[[ Records for this exercise, beginning ]]

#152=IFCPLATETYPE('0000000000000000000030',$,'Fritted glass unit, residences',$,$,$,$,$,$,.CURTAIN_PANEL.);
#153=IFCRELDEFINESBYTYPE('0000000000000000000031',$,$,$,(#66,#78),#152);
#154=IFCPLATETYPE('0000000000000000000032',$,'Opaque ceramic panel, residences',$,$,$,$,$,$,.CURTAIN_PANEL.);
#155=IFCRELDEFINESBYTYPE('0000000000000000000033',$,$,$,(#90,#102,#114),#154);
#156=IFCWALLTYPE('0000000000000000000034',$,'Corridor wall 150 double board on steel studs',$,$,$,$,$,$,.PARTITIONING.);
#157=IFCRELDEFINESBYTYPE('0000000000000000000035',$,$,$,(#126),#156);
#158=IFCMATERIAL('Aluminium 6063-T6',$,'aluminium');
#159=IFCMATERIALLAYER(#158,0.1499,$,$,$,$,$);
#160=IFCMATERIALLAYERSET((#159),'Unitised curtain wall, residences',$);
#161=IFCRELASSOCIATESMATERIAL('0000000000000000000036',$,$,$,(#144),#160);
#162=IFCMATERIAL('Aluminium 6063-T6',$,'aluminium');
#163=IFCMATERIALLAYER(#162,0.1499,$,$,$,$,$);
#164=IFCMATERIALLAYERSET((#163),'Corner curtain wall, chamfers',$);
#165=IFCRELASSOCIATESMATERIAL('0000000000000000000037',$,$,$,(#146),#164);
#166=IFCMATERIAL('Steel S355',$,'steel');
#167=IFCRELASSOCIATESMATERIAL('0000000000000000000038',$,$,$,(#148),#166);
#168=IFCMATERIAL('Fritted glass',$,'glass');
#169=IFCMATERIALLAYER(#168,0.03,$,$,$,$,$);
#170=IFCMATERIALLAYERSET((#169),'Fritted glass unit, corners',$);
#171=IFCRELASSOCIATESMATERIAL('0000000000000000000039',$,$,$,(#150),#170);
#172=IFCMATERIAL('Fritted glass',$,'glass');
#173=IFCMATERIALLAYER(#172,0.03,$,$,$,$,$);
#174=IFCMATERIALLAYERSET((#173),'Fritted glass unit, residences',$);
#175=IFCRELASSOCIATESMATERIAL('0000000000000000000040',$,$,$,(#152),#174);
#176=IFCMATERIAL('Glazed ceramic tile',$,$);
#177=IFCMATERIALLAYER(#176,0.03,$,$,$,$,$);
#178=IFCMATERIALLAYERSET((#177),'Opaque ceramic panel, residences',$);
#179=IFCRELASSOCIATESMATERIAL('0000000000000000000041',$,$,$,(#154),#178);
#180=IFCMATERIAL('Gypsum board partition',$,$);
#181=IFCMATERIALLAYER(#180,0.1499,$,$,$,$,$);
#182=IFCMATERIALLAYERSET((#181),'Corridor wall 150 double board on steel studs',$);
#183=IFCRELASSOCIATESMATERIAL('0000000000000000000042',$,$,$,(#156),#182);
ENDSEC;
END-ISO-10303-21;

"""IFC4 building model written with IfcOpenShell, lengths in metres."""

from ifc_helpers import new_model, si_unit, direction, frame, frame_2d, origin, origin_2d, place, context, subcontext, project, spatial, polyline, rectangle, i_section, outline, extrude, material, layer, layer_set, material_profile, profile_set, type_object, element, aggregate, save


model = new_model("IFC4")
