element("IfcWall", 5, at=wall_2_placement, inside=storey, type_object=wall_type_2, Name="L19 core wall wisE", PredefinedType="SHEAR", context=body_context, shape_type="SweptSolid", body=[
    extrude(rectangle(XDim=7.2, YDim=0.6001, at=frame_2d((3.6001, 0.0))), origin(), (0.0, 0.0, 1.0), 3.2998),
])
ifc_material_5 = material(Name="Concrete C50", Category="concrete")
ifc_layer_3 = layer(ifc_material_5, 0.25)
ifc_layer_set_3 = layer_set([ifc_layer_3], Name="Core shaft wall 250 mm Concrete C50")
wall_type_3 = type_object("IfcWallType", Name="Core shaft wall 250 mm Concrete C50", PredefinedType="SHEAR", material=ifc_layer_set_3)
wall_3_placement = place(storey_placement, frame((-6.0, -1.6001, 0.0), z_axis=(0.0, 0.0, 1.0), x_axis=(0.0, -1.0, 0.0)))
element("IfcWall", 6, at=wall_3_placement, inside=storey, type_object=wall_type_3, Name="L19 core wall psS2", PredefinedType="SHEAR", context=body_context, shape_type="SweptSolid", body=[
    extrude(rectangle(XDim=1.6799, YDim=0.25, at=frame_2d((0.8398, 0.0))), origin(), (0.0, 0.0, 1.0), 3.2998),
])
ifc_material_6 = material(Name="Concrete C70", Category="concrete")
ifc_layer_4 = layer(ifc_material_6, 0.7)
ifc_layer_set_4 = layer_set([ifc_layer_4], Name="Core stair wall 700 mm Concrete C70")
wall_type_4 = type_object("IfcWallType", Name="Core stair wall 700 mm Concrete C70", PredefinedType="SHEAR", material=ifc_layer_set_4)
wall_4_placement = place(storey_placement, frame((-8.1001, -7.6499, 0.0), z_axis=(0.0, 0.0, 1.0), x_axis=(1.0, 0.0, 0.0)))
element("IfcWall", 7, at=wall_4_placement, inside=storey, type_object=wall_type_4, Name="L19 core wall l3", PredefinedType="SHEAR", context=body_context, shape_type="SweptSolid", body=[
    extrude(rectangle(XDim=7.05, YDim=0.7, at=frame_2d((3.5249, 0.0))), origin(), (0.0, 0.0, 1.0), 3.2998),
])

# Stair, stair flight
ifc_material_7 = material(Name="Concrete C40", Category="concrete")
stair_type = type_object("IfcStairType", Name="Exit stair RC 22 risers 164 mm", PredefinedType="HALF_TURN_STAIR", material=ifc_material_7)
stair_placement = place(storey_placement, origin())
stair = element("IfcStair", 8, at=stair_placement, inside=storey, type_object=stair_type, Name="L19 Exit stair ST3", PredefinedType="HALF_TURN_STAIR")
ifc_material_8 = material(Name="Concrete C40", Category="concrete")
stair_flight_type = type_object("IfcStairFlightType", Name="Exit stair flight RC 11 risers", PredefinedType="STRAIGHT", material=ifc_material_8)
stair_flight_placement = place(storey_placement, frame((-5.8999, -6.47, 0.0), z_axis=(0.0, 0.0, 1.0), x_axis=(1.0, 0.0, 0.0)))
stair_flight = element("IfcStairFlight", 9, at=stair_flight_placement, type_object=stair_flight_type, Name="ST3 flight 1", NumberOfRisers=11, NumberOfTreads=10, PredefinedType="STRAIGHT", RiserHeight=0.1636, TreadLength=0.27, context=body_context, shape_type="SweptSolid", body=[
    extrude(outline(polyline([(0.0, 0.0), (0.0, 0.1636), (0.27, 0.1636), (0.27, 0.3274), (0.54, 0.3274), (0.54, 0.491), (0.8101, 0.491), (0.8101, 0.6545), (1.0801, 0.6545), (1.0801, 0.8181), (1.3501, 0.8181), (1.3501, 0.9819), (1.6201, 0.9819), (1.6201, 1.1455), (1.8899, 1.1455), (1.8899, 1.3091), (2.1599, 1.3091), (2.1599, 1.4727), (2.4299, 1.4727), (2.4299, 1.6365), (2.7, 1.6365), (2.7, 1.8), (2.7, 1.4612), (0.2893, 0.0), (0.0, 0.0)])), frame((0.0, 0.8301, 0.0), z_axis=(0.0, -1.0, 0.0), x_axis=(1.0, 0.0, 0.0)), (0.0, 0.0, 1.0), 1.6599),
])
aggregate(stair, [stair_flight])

[[ Records for this exercise, end ]]

Output exactly the leading lines of the data, up to and including the line marked by "#159=IFCMATERIALLAYER(#158,0.1499,$,$,$,$,$);".

= Task answer =
#152=IFCPLATETYPE('0000000000000000000030',$,'Fritted glass unit, residences',$,$,$,$,$,$,.CURTAIN_PANEL.);
#153=IFCRELDEFINESBYTYPE('0000000000000000000031',$,$,$,(#66,#78),#152);
#154=IFCPLATETYPE('0000000000000000000032',$,'Opaque ceramic panel, residences',$,$,$,$,$,$,.CURTAIN_PANEL.);
#155=IFCRELDEFINESBYTYPE('0000000000000000000033',$,$,$,(#90,#102,#114),#154);
#156=IFCWALLTYPE('0000000000000000000034',$,'Corridor wall 150 double board on steel studs',$,$,$,$,$,$,.PARTITIONING.);
#157=IFCRELDEFINESBYTYPE('0000000000000000000035',$,$,$,(#126),#156);
#158=IFCMATERIAL('Aluminium 6063-T6',$,'aluminium');
#159=IFCMATERIALLAYER(#158,0.1499,$,$,$,$,$);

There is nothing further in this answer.